#### Assigned task:
Search the listing below for "Convention". Copy each matching line.

#### Exercise data:
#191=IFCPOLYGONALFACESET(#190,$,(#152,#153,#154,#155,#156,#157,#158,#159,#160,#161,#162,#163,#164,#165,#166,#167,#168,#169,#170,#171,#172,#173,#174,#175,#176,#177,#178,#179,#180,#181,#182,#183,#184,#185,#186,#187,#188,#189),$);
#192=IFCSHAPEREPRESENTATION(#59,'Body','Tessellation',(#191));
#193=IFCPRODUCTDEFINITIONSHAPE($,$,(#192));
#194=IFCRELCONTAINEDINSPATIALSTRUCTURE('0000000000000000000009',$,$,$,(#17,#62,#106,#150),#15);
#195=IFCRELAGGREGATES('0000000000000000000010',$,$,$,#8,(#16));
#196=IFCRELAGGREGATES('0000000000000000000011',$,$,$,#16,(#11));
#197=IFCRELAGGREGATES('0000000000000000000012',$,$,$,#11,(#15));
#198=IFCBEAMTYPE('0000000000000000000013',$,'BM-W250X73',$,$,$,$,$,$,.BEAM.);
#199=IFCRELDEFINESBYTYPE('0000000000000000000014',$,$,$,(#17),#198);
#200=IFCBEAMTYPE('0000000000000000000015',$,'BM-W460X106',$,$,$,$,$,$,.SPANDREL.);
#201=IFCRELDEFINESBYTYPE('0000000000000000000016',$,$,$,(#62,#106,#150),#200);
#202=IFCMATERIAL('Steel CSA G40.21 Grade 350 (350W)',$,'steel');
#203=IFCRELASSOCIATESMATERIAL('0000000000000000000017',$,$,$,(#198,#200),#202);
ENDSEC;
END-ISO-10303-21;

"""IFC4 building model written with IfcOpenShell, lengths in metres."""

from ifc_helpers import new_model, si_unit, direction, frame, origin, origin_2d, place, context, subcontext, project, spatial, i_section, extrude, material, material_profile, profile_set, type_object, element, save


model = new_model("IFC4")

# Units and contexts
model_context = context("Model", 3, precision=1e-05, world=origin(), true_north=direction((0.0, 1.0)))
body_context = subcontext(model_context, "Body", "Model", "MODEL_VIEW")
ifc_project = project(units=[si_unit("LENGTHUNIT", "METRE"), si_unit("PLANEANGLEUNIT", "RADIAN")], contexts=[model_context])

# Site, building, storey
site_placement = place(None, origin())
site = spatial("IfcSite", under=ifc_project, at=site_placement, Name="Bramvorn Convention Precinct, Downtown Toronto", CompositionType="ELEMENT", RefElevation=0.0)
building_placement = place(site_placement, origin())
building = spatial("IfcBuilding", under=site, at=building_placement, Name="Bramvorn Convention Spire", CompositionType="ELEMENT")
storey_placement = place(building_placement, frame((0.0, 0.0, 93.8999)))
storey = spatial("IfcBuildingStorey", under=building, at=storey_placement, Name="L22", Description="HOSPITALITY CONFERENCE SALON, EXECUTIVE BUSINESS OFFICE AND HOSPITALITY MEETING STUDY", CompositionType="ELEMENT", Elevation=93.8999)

* * *

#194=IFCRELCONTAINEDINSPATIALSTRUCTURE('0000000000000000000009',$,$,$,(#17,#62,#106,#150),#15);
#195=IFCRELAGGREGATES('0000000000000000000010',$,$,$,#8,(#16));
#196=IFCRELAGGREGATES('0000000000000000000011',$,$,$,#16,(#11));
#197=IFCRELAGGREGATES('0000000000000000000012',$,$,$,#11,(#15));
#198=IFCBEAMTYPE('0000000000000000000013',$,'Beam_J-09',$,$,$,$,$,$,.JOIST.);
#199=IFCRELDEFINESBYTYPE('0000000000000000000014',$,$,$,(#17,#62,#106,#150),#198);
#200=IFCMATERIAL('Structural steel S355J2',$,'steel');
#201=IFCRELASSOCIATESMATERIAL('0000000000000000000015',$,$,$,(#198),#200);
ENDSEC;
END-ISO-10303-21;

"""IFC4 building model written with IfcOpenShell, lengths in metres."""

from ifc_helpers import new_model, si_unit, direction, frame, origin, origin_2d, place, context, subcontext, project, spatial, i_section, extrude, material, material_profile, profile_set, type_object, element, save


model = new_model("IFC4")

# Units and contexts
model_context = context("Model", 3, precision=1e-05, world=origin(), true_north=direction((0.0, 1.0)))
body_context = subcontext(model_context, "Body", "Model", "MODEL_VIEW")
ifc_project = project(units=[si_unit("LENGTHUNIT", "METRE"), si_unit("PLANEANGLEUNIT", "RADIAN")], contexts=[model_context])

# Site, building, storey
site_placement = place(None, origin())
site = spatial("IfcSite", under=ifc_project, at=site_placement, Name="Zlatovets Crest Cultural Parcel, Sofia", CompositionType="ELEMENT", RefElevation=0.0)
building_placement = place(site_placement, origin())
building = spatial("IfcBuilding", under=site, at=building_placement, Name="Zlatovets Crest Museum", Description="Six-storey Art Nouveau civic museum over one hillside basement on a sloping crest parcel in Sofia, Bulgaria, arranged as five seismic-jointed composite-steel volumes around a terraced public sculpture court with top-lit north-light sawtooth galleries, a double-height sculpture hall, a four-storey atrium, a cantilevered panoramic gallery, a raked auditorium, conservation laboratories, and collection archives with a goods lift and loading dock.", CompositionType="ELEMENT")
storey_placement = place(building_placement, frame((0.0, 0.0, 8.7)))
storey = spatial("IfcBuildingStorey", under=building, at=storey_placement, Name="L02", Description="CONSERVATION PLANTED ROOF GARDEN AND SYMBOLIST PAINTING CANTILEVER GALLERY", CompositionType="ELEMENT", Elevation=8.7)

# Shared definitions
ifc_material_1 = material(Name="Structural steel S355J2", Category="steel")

#### Expected answer:
site = spatial("IfcSite", under=ifc_project, at=site_placement, Name="Bramvorn Convention Precinct, Downtown Toronto", CompositionType="ELEMENT", RefElevation=0.0)
building = spatial("IfcBuilding", under=site, at=building_placement, Name="Bramvorn Convention Spire", CompositionType="ELEMENT")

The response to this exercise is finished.